▶ _Extracted information_
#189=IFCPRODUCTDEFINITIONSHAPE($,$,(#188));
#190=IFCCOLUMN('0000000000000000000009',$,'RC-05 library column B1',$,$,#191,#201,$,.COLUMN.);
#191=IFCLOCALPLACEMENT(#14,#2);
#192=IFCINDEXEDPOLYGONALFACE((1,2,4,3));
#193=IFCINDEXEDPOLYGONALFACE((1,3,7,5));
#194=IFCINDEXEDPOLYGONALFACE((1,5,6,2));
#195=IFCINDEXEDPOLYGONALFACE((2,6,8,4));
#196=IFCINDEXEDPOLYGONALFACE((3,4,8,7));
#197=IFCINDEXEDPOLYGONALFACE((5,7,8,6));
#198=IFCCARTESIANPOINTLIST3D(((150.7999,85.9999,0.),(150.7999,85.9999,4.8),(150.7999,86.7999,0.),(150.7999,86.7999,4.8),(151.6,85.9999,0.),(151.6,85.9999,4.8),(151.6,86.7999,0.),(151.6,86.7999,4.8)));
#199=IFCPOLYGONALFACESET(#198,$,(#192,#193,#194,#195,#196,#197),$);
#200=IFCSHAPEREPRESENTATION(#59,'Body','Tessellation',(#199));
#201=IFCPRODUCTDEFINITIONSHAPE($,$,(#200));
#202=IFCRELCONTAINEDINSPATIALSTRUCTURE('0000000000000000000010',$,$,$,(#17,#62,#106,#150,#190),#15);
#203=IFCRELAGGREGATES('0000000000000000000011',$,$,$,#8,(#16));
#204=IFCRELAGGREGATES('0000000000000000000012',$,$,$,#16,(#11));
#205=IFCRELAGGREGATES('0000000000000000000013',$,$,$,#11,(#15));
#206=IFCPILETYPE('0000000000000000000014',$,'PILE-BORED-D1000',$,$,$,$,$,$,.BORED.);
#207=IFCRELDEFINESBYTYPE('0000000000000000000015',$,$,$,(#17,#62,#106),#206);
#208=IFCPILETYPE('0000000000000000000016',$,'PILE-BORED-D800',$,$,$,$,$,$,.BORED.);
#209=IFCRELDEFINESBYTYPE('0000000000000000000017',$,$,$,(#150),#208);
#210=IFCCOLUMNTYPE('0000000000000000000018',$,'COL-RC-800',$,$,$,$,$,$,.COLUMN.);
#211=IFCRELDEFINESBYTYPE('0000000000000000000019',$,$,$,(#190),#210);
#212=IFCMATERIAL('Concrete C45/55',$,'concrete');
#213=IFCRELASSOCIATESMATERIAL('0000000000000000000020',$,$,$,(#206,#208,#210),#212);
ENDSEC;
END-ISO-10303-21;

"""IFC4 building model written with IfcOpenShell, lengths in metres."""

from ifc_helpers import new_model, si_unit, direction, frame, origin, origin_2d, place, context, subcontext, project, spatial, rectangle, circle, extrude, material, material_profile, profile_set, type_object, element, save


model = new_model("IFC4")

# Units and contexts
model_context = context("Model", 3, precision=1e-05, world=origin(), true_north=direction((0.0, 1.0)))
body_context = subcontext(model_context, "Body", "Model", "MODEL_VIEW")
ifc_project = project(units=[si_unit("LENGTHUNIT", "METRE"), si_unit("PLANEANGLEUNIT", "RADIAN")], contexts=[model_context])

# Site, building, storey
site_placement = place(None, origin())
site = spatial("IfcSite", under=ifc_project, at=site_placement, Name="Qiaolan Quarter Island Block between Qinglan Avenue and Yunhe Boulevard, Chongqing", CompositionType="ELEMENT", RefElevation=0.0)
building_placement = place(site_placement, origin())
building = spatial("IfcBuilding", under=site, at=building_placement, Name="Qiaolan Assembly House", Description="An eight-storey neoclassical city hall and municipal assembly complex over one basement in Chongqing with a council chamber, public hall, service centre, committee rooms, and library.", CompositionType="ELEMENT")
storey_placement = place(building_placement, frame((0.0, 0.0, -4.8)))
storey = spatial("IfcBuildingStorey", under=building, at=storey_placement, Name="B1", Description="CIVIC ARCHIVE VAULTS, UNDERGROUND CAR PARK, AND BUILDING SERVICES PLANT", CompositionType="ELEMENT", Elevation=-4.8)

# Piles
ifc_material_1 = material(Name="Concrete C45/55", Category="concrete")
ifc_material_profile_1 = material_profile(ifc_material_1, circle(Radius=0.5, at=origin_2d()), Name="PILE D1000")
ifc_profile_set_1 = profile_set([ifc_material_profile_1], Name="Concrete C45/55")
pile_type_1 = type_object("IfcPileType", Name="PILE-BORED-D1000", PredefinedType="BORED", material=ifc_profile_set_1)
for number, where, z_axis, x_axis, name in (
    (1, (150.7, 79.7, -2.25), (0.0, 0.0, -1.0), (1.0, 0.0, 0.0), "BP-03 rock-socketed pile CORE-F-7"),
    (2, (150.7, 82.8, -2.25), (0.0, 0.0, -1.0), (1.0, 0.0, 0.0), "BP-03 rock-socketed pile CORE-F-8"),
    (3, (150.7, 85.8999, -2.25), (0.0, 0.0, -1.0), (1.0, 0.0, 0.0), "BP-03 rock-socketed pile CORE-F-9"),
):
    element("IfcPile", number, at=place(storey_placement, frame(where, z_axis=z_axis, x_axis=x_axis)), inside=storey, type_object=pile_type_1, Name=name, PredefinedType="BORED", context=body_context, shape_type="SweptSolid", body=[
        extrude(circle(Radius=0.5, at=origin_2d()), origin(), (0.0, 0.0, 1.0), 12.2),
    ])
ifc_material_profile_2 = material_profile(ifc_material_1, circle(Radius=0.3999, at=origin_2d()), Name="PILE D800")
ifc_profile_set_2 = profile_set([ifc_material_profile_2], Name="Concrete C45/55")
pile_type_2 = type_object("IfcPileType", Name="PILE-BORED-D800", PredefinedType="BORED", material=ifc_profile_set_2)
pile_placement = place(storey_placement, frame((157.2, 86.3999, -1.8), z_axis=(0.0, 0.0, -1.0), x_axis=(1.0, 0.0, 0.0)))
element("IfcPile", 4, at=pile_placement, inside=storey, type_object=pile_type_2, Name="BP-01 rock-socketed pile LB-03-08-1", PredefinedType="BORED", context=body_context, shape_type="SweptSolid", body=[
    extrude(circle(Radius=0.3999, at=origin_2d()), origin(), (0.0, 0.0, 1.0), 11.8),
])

▶ _Task item_
What lines in the material mention "Concrete"? Copy every one of them.

▶ _Answer to this problem_
#212=IFCMATERIAL('Concrete C45/55',$,'concrete');
ifc_material_1 = material(Name="Concrete C45/55", Category="concrete")
ifc_profile_set_1 = profile_set([ifc_material_profile_1], Name="Concrete C45/55")
ifc_profile_set_2 = profile_set([ifc_material_profile_2], Name="Concrete C45/55")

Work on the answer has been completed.